— Problem —
Nothing besides a number belongs in the answer, which is how many lines of the listing contain the string "Tessellation".

— Information shown —

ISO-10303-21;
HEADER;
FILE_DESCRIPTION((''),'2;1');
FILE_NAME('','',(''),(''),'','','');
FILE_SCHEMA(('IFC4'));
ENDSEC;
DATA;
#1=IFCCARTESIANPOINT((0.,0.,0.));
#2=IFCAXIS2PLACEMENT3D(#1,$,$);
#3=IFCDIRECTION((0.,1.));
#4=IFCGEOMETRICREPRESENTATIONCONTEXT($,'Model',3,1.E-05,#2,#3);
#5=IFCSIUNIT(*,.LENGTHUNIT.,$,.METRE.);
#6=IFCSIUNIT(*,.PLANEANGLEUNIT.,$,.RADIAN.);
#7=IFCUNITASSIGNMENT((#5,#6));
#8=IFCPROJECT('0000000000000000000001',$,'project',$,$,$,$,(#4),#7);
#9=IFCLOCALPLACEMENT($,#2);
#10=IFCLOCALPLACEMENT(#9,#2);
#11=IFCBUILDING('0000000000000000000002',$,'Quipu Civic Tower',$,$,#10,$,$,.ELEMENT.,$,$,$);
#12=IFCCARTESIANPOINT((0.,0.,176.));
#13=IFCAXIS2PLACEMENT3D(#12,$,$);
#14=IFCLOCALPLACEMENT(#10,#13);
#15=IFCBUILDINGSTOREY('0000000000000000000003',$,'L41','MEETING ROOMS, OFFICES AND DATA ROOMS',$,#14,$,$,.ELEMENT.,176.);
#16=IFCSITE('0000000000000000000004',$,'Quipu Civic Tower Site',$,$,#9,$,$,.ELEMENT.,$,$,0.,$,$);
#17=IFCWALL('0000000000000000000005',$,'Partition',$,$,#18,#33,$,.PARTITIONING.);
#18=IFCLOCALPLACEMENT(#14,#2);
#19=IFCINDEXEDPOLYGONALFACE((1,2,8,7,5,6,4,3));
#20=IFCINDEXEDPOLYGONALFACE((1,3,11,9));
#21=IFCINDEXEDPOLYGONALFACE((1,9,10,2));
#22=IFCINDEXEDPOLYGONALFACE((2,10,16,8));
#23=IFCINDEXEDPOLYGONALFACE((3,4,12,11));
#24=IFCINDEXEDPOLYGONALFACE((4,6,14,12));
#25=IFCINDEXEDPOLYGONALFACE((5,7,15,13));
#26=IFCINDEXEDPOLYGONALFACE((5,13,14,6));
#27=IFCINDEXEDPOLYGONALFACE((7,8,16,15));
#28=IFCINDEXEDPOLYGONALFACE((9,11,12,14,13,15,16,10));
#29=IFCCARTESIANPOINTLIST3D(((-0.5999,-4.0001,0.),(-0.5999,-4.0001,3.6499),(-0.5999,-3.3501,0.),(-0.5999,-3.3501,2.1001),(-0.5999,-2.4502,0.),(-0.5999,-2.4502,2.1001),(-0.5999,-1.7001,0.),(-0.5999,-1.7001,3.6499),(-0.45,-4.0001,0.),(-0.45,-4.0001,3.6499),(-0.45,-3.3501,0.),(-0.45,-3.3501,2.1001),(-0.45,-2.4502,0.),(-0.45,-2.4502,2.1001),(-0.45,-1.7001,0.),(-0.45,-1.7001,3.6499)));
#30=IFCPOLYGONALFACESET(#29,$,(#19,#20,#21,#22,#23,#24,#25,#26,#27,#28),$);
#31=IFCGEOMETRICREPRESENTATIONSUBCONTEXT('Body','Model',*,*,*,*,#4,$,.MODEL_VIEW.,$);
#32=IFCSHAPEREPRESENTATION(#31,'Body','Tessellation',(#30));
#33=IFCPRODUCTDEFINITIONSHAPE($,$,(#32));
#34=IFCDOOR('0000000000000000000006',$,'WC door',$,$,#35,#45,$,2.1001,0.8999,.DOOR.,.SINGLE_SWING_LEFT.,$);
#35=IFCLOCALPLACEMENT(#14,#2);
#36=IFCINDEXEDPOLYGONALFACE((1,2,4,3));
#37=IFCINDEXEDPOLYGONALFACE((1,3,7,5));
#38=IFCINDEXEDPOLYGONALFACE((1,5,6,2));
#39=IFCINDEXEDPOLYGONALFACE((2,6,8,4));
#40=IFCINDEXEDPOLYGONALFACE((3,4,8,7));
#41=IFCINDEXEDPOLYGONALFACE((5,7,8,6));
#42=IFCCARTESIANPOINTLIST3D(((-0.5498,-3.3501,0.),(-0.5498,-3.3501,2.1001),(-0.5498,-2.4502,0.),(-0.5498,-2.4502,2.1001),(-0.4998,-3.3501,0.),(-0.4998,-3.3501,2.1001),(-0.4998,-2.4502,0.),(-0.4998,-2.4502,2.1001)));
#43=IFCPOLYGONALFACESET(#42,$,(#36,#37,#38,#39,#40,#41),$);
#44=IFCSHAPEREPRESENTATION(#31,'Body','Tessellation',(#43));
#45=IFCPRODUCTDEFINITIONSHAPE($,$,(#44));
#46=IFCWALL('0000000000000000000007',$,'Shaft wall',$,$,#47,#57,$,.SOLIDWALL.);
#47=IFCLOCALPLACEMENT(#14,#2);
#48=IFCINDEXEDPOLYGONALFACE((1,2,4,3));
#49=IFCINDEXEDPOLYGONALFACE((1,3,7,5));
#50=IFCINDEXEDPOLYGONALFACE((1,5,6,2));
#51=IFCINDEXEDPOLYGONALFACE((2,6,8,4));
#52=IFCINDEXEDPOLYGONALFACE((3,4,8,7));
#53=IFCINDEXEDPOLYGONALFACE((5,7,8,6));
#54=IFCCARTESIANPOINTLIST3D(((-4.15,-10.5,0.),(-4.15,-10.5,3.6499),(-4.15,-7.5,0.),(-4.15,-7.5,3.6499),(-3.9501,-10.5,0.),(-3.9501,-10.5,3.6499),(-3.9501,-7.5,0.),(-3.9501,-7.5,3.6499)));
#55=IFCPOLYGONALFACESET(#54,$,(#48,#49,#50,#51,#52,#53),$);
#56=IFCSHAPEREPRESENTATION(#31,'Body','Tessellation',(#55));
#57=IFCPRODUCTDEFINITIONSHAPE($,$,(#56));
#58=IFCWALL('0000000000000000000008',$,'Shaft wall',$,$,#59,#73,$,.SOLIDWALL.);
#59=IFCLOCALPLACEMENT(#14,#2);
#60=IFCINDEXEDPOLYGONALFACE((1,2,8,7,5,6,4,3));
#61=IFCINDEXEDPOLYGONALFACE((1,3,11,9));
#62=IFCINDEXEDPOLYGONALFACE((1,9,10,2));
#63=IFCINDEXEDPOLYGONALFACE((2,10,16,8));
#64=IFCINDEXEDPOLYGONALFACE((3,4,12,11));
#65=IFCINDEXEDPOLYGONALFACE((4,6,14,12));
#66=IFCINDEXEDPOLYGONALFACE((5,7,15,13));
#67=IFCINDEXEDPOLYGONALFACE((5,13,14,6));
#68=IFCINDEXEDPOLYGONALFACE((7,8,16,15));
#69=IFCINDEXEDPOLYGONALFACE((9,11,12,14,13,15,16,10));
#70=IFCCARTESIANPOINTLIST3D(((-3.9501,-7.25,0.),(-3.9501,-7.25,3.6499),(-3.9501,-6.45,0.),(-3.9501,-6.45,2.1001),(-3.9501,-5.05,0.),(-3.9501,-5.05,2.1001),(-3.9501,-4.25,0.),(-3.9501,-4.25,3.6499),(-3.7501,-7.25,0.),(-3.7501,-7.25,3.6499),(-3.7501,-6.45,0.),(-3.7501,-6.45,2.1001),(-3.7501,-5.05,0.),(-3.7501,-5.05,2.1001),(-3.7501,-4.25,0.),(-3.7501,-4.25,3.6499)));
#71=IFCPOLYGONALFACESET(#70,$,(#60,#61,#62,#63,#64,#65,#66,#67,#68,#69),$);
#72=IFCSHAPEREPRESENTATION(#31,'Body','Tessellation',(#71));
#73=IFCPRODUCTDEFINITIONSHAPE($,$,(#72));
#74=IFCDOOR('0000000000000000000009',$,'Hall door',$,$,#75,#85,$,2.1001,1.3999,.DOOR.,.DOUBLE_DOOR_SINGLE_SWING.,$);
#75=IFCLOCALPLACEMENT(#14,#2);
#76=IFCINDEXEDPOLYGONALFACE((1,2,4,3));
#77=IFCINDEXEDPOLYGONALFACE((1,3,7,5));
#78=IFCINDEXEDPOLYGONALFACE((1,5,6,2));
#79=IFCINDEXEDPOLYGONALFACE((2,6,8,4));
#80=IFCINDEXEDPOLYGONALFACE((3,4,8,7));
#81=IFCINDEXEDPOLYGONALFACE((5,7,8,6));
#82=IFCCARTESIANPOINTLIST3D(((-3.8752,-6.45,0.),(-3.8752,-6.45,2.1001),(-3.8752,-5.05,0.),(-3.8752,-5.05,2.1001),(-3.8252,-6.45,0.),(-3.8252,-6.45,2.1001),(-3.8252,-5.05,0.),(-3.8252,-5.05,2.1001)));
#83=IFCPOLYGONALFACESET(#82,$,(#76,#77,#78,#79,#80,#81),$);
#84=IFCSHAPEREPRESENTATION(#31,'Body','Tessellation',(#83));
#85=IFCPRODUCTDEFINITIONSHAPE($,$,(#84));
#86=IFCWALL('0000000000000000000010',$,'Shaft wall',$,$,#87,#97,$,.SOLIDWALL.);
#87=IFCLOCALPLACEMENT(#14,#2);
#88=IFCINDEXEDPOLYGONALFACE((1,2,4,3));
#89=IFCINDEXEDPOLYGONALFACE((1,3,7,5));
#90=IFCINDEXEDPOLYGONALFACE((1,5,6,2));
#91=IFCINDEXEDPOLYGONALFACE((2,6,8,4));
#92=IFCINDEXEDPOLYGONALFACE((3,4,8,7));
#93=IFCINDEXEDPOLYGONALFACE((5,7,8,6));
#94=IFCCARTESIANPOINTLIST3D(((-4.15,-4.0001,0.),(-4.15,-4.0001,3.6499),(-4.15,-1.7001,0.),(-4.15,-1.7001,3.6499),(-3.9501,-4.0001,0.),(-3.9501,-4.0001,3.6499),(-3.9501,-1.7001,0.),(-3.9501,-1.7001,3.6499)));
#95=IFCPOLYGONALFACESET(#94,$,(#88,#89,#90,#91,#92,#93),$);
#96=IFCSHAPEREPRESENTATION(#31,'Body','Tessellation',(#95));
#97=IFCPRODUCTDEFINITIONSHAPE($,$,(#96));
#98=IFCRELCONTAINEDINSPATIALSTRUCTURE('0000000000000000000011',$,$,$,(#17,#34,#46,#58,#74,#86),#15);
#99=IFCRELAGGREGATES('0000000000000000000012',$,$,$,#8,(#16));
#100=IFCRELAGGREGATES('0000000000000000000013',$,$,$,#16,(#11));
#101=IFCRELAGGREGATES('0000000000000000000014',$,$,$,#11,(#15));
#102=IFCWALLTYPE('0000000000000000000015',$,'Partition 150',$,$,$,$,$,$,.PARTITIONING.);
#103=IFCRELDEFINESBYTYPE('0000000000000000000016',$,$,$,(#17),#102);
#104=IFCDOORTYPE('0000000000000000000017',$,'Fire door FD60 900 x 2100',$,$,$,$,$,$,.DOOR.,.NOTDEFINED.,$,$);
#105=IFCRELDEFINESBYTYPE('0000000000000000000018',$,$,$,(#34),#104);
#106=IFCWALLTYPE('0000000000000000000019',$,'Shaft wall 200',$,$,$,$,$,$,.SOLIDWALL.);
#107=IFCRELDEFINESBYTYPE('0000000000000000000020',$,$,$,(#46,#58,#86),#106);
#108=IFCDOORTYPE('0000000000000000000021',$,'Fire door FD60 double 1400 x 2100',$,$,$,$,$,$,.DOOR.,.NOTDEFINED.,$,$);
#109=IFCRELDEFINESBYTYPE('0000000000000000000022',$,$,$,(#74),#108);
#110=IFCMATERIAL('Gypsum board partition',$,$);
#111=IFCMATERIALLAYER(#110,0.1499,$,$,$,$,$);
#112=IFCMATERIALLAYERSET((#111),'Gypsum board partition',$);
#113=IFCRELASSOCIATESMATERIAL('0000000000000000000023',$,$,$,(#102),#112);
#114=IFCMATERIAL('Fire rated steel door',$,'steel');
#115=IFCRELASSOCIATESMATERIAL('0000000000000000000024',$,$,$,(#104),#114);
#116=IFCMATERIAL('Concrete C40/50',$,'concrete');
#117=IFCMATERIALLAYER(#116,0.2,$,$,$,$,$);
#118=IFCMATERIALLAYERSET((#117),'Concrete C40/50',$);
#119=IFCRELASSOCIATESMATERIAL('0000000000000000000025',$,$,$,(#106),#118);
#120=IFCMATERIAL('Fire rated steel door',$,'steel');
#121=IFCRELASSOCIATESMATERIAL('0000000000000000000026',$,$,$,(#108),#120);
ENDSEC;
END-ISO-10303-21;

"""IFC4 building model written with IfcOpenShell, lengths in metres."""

from ifc_helpers import new_model, si_unit, direction, frame, frame_2d, origin, place, context, subcontext, project, spatial, rectangle, extrude, material, layer, layer_set, type_object, element, fill, save


model = new_model("IFC4")

# Units and contexts
model_context = context("Model", 3, precision=1e-05, world=origin(), true_north=direction((0.0, 1.0)))
body_context = subcontext(model_context, "Body", "Model", "MODEL_VIEW")
ifc_project = project(units=[si_unit("LENGTHUNIT", "METRE"), si_unit("PLANEANGLEUNIT", "RADIAN")], contexts=[model_context])

# Site, building, storey
site_placement = place(None, origin())
site = spatial("IfcSite", under=ifc_project, at=site_placement, Name="Quipu Civic Tower Site", CompositionType="ELEMENT", RefElevation=0.0)
building_placement = place(site_placement, origin())
building = spatial("IfcBuilding", under=site, at=building_placement, Name="Quipu Civic Tower", CompositionType="ELEMENT")
storey_placement = place(building_placement, frame((0.0, 0.0, 176.0)))
storey = spatial("IfcBuildingStorey", under=building, at=storey_placement, Name="L41", Description="MEETING ROOMS, OFFICES AND DATA ROOMS", CompositionType="ELEMENT", Elevation=176.0)

# Shared definitions
ifc_material_1 = material(Name="Gypsum board partition")
ifc_layer_1 = layer(ifc_material_1, 0.1499)
ifc_layer_set_1 = layer_set([ifc_layer_1], Name="Gypsum board partition")
wall_type_1 = type_object("IfcWallType", Name="Partition 150", PredefinedType="PARTITIONING", material=ifc_layer_set_1)

# Wall, opening, door
ifc_material_2 = material(Name="Fire rated steel door", Category="steel")
door_type_1 = type_object("IfcDoorType", Name="Fire door FD60 900 x 2100", OperationType="NOTDEFINED", PredefinedType="DOOR", material=ifc_material_2)
wall_1_placement = place(storey_placement, frame((-0.5249, -4.0, 0.0), z_axis=(0.0, 0.0, 1.0), x_axis=(0.0, 1.0, 0.0)))
wall_1 = element("IfcWall", 1, at=wall_1_placement, inside=storey, type_object=wall_type_1, Name="Partition", PredefinedType="PARTITIONING", context=body_context, shape_type="SweptSolid", body=[
    extrude(rectangle(XDim=2.3, YDim=0.1499, at=frame_2d((1.1499, 0.0))), origin(), (0.0, 0.0, 1.0), 3.6499),
])
opening_1_placement = place(wall_1_placement, frame((0.6499, 0.0, 0.0)))
opening_1 = element("IfcOpeningElement", 2, at=opening_1_placement, cuts=wall_1, PredefinedType="OPENING", context=body_context, shape_type="SweptSolid", body=[
    extrude(rectangle(XDim=0.8999, YDim=2.1001, at=frame_2d((0.45, 1.05))), frame((0.0, 0.085, 0.0), z_axis=(0.0, -1.0, 0.0), x_axis=(1.0, 0.0, 0.0)), (0.0, 0.0, 1.0), 0.1699),
])
door_1_placement = place(opening_1_placement, origin())
door_1 = element("IfcDoor", 3, at=door_1_placement, inside=storey, type_object=door_type_1, Name="WC door", OperationType="SINGLE_SWING_LEFT", OverallHeight=2.1001, OverallWidth=0.8999, PredefinedType="DOOR", context=body_context, shape_type="SweptSolid", body=[
    extrude(rectangle(XDim=0.8999, YDim=2.1001, at=frame_2d((0.45, 1.05))), frame((0.0, 0.0249, 0.0), z_axis=(0.0, -1.0, 0.0), x_axis=(1.0, 0.0, 0.0)), (0.0, 0.0, 1.0), 0.05),
])
fill(opening_1, door_1)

— Solution to this problem —
6